▶ _ABOUT THIS TASK_: Only the lines from the start of the entries up to and including the line with "#24=IFCINDEXEDPOLYGONALFACE((5,7,8,6));" should be written out, exactly as they stand.

Collected data:
▬▬▬▬▬▬▬▬▬▬
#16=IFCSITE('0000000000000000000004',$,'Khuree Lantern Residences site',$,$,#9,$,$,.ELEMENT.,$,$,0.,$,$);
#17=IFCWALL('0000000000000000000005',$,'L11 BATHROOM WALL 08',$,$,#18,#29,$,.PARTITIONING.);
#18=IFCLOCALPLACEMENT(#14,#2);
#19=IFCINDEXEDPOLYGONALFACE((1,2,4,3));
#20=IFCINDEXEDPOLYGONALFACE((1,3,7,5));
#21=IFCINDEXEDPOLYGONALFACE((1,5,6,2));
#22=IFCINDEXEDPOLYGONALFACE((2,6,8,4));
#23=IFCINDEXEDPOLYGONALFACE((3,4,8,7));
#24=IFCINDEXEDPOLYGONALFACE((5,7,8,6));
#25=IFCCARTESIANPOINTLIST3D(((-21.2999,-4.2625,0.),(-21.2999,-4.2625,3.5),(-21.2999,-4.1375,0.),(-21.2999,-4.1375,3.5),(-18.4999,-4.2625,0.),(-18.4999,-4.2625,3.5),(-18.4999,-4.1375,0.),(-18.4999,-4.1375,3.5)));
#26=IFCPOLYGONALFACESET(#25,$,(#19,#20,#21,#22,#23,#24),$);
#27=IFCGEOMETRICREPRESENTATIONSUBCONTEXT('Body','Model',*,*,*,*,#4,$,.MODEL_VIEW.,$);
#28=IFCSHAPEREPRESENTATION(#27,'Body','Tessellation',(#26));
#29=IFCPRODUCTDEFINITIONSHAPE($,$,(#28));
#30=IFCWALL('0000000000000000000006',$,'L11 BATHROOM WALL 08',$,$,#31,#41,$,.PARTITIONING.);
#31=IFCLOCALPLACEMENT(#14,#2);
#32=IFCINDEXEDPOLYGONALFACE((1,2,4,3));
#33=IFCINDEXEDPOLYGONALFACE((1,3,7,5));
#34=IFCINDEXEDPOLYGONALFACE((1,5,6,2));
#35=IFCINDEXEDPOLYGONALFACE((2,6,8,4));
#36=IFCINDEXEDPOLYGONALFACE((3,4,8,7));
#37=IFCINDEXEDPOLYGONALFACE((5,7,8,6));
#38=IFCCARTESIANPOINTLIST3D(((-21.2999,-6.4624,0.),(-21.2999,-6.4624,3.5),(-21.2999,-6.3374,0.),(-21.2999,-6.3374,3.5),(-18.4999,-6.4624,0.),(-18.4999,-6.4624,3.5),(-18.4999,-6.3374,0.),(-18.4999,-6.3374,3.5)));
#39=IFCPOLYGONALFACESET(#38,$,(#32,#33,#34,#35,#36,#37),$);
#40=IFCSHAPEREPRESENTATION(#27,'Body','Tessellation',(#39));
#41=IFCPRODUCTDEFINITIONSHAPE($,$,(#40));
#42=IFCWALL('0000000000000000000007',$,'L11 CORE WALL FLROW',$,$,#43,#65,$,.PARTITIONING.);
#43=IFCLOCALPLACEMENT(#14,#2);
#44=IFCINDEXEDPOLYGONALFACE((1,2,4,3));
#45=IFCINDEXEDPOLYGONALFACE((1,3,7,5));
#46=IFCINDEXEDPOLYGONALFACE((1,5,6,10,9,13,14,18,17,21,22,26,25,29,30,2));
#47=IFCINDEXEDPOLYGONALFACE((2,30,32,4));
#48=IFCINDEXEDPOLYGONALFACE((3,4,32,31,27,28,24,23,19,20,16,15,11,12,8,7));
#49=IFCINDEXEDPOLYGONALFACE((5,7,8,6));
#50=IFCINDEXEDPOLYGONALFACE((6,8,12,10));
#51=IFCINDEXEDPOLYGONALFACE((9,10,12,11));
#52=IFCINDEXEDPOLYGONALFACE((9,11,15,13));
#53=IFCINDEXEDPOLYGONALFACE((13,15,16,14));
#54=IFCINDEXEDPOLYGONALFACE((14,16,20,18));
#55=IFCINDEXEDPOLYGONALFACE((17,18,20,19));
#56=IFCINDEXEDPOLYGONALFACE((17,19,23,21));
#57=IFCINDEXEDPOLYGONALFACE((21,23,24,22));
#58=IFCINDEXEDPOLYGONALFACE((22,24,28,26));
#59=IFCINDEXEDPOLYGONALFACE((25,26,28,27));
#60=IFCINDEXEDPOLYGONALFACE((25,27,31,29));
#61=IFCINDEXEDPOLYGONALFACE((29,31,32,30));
▬▬▬▬▬▬▬▬▬▬
▶ _TASK ANSWER_:
#16=IFCSITE('0000000000000000000004',$,'Khuree Lantern Residences site',$,$,#9,$,$,.ELEMENT.,$,$,0.,$,$);
#17=IFCWALL('0000000000000000000005',$,'L11 BATHROOM WALL 08',$,$,#18,#29,$,.PARTITIONING.);
#18=IFCLOCALPLACEMENT(#14,#2);
#19=IFCINDEXEDPOLYGONALFACE((1,2,4,3));
#20=IFCINDEXEDPOLYGONALFACE((1,3,7,5));
#21=IFCINDEXEDPOLYGONALFACE((1,5,6,2));
#22=IFCINDEXEDPOLYGONALFACE((2,6,8,4));
#23=IFCINDEXEDPOLYGONALFACE((3,4,8,7));
#24=IFCINDEXEDPOLYGONALFACE((5,7,8,6));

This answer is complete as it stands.